[Recorded data]
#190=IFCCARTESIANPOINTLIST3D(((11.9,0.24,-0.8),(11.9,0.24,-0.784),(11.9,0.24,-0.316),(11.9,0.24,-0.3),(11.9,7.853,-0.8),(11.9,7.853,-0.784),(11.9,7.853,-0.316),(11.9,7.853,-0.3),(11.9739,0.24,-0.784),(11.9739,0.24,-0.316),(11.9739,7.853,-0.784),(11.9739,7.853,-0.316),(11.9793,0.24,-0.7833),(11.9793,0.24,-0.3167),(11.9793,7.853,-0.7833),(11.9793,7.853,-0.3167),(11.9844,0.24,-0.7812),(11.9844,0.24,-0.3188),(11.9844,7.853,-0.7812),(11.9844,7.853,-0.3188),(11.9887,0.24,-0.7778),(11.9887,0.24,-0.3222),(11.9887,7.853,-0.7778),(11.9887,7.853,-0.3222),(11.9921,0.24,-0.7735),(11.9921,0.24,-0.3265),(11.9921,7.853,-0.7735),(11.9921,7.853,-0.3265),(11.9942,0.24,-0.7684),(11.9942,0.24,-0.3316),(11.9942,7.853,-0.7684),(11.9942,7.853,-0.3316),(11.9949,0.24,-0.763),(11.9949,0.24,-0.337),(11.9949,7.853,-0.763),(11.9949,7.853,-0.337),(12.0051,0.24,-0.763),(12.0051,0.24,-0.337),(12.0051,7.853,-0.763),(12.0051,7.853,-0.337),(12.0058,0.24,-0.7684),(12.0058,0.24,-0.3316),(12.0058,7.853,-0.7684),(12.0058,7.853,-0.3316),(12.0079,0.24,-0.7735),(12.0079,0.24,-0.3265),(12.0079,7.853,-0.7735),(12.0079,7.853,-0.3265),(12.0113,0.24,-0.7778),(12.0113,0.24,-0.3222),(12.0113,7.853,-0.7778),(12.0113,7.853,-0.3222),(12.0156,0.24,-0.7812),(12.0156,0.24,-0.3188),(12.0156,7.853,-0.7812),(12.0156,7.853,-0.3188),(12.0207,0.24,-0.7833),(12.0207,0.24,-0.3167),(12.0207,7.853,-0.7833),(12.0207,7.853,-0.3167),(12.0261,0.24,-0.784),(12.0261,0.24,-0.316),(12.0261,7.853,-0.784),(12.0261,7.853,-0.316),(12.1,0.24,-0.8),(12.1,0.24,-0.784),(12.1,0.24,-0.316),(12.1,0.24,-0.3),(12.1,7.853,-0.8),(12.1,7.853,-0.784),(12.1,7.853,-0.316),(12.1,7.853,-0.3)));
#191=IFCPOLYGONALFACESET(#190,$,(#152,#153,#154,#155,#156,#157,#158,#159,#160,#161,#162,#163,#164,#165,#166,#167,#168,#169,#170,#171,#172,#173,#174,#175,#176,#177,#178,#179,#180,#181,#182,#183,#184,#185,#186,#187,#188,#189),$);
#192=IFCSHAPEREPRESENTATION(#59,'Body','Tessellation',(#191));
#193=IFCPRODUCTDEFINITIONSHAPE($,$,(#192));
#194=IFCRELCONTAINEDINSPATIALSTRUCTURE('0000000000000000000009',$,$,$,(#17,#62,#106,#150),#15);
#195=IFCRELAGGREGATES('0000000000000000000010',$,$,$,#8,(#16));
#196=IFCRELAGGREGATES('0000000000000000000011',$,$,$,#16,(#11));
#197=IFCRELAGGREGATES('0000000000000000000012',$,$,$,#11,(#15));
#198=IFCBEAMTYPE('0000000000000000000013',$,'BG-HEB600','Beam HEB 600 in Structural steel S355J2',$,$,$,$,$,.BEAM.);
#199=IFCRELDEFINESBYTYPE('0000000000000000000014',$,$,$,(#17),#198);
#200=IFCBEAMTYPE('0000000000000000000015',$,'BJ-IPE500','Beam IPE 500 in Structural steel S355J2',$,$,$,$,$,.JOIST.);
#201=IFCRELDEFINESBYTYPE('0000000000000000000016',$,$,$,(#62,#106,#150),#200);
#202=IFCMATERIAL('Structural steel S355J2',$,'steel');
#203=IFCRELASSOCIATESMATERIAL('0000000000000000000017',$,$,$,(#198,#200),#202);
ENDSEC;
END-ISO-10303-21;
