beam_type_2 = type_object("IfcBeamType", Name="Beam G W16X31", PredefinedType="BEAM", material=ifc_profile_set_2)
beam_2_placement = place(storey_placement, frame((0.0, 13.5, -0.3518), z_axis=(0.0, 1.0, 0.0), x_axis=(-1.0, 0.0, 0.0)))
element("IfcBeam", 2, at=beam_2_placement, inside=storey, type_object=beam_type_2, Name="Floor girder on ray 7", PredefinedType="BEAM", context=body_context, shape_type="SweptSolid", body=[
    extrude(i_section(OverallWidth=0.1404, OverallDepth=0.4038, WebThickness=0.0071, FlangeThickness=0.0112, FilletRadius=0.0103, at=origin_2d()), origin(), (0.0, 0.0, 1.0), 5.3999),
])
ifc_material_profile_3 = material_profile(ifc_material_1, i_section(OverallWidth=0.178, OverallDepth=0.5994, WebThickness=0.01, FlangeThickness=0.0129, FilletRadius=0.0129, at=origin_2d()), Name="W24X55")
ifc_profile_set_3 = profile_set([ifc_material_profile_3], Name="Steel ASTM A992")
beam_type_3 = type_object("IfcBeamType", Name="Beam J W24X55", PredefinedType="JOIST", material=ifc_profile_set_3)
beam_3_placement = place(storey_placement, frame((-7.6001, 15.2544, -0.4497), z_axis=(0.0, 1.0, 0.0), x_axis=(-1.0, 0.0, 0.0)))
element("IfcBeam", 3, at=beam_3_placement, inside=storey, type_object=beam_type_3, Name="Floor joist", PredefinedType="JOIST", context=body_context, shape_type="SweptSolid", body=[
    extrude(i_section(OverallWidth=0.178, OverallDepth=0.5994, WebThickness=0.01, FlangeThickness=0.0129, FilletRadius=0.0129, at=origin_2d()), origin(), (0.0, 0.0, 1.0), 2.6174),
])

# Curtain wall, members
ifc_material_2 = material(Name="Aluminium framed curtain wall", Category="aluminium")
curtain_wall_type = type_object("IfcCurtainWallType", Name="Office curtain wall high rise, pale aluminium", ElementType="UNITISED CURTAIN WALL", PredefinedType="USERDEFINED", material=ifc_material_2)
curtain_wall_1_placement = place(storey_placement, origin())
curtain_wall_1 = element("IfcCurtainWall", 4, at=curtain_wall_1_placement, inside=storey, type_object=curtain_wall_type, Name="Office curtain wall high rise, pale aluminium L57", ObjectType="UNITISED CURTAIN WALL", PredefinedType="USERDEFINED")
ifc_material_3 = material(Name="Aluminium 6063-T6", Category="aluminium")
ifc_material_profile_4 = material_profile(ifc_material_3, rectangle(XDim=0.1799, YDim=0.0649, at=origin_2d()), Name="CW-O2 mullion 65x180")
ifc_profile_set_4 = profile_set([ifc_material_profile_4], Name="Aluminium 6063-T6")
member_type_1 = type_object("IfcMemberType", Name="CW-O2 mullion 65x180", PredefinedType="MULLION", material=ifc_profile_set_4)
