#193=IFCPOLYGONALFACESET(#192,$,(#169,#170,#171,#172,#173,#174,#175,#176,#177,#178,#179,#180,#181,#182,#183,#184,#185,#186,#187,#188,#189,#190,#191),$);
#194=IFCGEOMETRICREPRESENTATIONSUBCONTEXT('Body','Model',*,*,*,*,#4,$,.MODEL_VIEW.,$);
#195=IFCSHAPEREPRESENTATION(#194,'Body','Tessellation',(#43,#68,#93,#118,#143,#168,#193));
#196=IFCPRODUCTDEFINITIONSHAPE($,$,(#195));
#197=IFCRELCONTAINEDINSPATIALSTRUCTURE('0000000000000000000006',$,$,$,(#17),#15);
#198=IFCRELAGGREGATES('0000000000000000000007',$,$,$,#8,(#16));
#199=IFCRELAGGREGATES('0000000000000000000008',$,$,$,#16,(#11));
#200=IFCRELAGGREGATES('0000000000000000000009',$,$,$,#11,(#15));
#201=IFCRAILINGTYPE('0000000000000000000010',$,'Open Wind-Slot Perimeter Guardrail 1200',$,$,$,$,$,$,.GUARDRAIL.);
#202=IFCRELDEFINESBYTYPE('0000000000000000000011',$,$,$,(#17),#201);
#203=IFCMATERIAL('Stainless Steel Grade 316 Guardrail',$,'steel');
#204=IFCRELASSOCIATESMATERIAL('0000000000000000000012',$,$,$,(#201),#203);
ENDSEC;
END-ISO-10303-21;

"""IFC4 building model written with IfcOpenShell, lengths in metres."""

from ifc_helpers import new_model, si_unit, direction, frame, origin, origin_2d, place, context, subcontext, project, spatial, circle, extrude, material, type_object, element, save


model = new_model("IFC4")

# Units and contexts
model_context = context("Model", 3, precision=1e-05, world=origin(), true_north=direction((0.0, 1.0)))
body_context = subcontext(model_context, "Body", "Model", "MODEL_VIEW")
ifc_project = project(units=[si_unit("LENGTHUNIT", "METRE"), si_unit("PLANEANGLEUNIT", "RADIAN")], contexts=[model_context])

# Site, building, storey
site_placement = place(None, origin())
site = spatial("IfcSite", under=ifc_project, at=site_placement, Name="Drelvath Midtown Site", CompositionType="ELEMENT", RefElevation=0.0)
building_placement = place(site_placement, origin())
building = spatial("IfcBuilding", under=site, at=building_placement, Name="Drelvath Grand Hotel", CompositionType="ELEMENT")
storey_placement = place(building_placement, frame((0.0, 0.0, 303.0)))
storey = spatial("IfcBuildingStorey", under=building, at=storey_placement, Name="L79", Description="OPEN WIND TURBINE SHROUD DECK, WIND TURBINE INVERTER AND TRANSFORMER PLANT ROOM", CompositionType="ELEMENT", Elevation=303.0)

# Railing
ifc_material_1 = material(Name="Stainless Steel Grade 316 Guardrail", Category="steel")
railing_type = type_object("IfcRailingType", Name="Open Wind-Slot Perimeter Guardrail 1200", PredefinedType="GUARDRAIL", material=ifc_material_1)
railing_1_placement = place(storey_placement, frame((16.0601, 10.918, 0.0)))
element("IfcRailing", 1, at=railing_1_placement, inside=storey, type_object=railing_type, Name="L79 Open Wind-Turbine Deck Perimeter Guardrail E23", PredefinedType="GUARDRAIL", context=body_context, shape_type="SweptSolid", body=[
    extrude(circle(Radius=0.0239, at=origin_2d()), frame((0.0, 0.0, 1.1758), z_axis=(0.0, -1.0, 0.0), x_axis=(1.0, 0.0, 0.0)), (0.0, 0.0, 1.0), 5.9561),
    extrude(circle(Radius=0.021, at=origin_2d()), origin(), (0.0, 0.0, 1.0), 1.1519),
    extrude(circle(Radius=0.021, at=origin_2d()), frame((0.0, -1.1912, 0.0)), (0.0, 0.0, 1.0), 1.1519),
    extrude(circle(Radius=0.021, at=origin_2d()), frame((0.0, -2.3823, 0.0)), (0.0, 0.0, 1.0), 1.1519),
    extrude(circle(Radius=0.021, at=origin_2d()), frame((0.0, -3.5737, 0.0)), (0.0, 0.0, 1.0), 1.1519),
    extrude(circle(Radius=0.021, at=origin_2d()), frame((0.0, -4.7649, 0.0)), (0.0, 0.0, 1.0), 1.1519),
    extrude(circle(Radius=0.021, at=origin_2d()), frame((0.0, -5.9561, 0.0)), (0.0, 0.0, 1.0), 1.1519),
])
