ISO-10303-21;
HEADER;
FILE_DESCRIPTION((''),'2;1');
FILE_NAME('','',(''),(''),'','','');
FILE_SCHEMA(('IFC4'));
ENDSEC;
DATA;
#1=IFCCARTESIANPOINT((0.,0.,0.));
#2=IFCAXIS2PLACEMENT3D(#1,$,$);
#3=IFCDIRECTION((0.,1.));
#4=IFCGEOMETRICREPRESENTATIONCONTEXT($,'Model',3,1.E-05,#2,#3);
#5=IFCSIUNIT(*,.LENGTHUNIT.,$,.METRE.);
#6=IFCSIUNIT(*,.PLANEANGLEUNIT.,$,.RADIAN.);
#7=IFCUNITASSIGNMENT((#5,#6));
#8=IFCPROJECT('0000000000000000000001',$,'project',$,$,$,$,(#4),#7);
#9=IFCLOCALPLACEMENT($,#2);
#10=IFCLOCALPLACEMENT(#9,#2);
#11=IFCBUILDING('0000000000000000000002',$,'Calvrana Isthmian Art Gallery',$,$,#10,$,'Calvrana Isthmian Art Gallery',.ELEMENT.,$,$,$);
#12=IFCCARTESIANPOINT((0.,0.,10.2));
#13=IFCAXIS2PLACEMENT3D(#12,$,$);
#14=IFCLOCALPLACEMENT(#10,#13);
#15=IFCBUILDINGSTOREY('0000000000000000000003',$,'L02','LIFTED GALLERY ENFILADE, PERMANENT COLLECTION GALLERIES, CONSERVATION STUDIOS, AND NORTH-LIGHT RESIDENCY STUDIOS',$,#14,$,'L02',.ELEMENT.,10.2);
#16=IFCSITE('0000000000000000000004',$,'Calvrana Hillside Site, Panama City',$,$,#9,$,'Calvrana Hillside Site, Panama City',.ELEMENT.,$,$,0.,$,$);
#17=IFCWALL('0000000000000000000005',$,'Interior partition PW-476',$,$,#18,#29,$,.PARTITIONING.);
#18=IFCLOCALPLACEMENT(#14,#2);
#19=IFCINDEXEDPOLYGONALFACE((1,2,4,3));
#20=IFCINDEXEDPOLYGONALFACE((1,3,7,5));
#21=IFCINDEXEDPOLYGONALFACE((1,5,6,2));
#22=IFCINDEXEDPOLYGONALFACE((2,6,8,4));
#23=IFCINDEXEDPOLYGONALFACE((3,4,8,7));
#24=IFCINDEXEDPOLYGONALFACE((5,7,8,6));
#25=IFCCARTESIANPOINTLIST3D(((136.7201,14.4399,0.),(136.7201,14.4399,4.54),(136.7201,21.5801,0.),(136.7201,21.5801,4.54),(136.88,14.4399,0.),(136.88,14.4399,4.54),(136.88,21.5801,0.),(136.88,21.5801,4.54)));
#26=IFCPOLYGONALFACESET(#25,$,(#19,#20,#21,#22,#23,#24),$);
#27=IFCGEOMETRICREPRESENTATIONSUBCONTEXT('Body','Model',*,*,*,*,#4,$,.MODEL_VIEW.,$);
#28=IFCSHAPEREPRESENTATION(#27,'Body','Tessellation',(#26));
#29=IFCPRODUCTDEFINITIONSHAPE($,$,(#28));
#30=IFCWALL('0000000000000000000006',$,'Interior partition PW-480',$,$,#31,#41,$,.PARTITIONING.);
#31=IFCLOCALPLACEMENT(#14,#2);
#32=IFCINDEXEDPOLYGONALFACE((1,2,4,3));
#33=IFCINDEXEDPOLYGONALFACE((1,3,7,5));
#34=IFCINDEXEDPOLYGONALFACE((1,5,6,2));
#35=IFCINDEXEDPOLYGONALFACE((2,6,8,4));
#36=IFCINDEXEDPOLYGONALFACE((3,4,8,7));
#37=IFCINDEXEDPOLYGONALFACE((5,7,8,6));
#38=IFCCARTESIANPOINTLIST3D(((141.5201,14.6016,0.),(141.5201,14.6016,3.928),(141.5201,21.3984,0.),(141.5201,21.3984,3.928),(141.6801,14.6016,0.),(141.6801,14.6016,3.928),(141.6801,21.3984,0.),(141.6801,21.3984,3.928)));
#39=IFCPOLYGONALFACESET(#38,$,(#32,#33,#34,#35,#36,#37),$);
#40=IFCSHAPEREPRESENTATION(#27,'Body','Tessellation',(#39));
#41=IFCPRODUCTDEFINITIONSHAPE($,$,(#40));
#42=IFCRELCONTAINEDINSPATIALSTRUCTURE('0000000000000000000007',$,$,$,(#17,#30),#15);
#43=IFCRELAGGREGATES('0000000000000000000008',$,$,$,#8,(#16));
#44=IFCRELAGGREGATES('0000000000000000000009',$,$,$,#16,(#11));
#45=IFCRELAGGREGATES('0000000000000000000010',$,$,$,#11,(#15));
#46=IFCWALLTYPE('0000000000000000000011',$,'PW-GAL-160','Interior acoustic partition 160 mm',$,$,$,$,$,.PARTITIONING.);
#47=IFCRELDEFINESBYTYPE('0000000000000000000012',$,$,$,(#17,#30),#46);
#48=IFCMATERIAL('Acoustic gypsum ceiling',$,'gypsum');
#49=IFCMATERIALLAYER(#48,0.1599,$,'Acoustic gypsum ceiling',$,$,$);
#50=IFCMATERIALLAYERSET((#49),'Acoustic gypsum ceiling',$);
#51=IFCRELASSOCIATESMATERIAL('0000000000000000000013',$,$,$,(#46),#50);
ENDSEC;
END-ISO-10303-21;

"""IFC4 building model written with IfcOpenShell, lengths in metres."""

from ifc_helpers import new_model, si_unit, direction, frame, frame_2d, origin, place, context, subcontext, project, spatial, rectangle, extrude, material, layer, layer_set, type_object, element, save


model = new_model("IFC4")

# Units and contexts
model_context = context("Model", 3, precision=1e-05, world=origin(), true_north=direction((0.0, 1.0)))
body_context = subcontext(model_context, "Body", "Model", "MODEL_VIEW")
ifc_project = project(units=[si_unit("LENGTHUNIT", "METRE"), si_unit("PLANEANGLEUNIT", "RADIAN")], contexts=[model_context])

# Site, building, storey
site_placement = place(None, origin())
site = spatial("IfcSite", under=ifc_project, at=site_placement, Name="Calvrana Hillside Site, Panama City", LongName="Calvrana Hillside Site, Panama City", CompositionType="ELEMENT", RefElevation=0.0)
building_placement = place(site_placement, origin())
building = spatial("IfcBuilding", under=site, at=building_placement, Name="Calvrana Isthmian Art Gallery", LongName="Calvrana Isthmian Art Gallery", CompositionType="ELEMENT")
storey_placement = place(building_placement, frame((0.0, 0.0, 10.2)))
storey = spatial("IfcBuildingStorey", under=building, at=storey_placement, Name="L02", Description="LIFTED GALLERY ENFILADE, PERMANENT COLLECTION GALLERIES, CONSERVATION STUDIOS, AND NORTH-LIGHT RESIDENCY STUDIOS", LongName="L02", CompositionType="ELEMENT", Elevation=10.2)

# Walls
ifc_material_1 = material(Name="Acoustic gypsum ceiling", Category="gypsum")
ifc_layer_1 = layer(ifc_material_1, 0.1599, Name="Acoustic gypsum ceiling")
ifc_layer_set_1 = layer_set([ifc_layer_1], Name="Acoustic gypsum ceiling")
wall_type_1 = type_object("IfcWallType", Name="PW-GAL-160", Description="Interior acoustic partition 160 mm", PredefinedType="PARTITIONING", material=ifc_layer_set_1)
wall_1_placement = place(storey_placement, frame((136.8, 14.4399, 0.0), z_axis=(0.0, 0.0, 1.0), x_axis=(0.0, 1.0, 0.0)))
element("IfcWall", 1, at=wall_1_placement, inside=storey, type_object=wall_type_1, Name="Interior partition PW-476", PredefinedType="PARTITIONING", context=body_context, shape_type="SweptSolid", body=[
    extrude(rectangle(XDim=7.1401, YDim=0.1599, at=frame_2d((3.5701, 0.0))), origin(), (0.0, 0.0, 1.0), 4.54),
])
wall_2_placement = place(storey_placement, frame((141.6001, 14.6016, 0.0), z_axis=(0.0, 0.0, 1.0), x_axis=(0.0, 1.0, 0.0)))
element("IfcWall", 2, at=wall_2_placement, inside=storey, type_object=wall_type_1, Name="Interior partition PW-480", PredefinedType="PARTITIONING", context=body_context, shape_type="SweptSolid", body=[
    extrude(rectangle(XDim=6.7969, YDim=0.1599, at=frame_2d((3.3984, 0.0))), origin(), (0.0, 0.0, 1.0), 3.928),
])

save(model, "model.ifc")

Action item ->
Starting at the line that has "material, type_object, element, save" in the records above, restate word for word every line until the one that has "frame((16.0601, 10.918, 0.0)))", and include that one as well.

Response to this exercise ->
from ifc_helpers import new_model, si_unit, direction, frame, origin, origin_2d, place, context, subcontext, project, spatial, circle, extrude, material, type_object, element, save


model = new_model("IFC4")

# Units and contexts
model_context = context("Model", 3, precision=1e-05, world=origin(), true_north=direction((0.0, 1.0)))
body_context = subcontext(model_context, "Body", "Model", "MODEL_VIEW")
ifc_project = project(units=[si_unit("LENGTHUNIT", "METRE"), si_unit("PLANEANGLEUNIT", "RADIAN")], contexts=[model_context])

# Site, building, storey
site_placement = place(None, origin())
site = spatial("IfcSite", under=ifc_project, at=site_placement, Name="Drelvath Midtown Site", CompositionType="ELEMENT", RefElevation=0.0)
building_placement = place(site_placement, origin())
building = spatial("IfcBuilding", under=site, at=building_placement, Name="Drelvath Grand Hotel", CompositionType="ELEMENT")
storey_placement = place(building_placement, frame((0.0, 0.0, 303.0)))
storey = spatial("IfcBuildingStorey", under=building, at=storey_placement, Name="L79", Description="OPEN WIND TURBINE SHROUD DECK, WIND TURBINE INVERTER AND TRANSFORMER PLANT ROOM", CompositionType="ELEMENT", Elevation=303.0)

# Railing
ifc_material_1 = material(Name="Stainless Steel Grade 316 Guardrail", Category="steel")
railing_type = type_object("IfcRailingType", Name="Open Wind-Slot Perimeter Guardrail 1200", PredefinedType="GUARDRAIL", material=ifc_material_1)
railing_1_placement = place(storey_placement, frame((16.0601, 10.918, 0.0)))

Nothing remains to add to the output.